To do: Scan the entries below for the word "STRAIGHT". Copy out every line in which it occurs.

··· Data for processing ···

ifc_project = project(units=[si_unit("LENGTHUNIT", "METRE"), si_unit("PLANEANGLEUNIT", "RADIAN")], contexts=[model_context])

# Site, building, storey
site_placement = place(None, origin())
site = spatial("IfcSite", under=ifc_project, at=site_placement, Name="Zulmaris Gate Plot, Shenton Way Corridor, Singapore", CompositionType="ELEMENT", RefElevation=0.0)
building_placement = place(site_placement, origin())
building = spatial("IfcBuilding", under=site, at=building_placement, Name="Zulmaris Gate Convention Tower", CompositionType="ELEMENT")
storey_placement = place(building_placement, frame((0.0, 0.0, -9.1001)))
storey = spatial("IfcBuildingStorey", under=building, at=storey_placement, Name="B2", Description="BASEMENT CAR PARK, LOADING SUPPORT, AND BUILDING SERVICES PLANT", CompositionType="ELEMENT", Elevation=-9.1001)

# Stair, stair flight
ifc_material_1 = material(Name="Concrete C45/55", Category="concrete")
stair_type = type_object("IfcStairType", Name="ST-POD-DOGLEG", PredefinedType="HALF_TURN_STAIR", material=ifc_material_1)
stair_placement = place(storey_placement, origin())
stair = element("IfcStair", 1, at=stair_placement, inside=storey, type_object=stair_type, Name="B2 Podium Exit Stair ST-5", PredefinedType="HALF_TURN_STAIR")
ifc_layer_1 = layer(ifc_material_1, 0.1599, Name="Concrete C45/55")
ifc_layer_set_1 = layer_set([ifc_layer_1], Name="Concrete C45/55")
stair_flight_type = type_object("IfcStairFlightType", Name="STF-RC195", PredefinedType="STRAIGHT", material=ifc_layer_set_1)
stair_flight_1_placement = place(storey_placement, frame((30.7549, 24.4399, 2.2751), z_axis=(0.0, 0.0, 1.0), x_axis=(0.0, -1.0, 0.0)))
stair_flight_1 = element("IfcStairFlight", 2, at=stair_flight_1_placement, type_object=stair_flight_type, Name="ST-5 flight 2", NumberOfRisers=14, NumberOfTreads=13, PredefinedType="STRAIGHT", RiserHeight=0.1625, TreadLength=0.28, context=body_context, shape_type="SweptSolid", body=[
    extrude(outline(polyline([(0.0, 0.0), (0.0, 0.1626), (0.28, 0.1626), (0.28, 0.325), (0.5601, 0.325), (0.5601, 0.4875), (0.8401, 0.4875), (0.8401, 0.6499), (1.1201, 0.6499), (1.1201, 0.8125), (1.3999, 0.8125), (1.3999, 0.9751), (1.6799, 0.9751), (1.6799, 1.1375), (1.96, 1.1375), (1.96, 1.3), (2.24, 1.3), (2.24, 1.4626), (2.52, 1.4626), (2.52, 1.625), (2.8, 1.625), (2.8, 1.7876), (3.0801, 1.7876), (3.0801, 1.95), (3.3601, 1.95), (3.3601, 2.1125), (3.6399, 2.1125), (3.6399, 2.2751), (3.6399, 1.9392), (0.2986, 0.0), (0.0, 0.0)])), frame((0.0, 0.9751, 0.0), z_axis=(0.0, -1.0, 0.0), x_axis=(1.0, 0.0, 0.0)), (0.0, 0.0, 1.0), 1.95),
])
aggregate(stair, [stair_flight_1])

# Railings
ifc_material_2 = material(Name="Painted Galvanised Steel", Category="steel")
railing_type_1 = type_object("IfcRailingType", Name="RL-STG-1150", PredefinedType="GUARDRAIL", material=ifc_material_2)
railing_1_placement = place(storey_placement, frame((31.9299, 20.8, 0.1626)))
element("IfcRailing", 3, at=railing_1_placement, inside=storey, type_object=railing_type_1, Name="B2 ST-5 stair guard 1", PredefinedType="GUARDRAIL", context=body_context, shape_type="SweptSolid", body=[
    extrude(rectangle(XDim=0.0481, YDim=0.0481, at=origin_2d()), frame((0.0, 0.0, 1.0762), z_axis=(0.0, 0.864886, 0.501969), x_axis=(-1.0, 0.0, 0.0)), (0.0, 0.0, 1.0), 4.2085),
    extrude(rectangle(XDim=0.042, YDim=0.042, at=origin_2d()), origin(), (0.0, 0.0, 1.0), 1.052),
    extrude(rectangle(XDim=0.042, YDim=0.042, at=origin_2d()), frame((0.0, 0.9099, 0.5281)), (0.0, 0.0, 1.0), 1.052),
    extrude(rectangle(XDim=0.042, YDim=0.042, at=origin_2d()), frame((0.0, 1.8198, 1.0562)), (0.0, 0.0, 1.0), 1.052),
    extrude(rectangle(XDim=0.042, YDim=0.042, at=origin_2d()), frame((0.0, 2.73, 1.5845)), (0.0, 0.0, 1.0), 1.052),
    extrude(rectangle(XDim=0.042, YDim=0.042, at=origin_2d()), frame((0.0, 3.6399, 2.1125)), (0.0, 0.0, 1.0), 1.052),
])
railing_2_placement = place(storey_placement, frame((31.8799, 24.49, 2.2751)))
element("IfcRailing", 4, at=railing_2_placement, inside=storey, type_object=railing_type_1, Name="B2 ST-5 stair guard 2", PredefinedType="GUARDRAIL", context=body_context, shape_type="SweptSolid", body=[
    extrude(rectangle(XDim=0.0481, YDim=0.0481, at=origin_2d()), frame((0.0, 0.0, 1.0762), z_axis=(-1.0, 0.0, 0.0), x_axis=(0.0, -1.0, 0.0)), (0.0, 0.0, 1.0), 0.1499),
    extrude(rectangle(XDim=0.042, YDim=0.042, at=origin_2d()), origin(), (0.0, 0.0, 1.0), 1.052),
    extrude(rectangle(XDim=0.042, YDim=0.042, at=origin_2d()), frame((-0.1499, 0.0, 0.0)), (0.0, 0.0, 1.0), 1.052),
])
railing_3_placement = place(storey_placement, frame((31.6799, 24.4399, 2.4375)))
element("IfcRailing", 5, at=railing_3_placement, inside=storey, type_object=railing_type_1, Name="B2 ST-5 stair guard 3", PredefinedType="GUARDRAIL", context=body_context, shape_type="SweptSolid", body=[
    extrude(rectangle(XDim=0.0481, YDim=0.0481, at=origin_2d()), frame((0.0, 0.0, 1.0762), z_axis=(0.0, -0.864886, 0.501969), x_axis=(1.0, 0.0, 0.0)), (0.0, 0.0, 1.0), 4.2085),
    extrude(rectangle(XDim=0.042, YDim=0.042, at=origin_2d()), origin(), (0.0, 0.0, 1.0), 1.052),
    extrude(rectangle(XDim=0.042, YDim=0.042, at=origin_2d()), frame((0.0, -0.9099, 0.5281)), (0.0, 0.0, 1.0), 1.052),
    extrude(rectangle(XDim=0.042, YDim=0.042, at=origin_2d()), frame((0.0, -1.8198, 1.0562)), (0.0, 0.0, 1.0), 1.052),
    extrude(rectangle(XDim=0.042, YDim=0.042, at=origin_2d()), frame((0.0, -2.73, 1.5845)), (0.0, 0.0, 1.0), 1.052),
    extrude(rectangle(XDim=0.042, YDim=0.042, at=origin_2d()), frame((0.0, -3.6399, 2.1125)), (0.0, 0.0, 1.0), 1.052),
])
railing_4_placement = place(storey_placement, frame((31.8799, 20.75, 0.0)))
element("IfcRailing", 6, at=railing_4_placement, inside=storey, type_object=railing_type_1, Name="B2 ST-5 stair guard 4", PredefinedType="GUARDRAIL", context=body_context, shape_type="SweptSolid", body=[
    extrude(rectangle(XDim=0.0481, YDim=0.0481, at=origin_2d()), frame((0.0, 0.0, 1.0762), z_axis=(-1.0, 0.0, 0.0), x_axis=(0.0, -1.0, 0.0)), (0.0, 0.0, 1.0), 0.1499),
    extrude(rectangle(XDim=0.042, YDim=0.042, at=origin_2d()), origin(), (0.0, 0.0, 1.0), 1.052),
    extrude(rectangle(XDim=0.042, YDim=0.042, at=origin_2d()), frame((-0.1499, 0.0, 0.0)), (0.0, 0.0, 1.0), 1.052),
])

···

Output of the exercise:
stair_flight_type = type_object("IfcStairFlightType", Name="STF-RC195", PredefinedType="STRAIGHT", material=ifc_layer_set_1)
stair_flight_1 = element("IfcStairFlight", 2, at=stair_flight_1_placement, type_object=stair_flight_type, Name="ST-5 flight 2", NumberOfRisers=14, NumberOfTreads=13, PredefinedType="STRAIGHT", RiserHeight=0.1625, TreadLength=0.28, context=body_context, shape_type="SweptSolid", body=[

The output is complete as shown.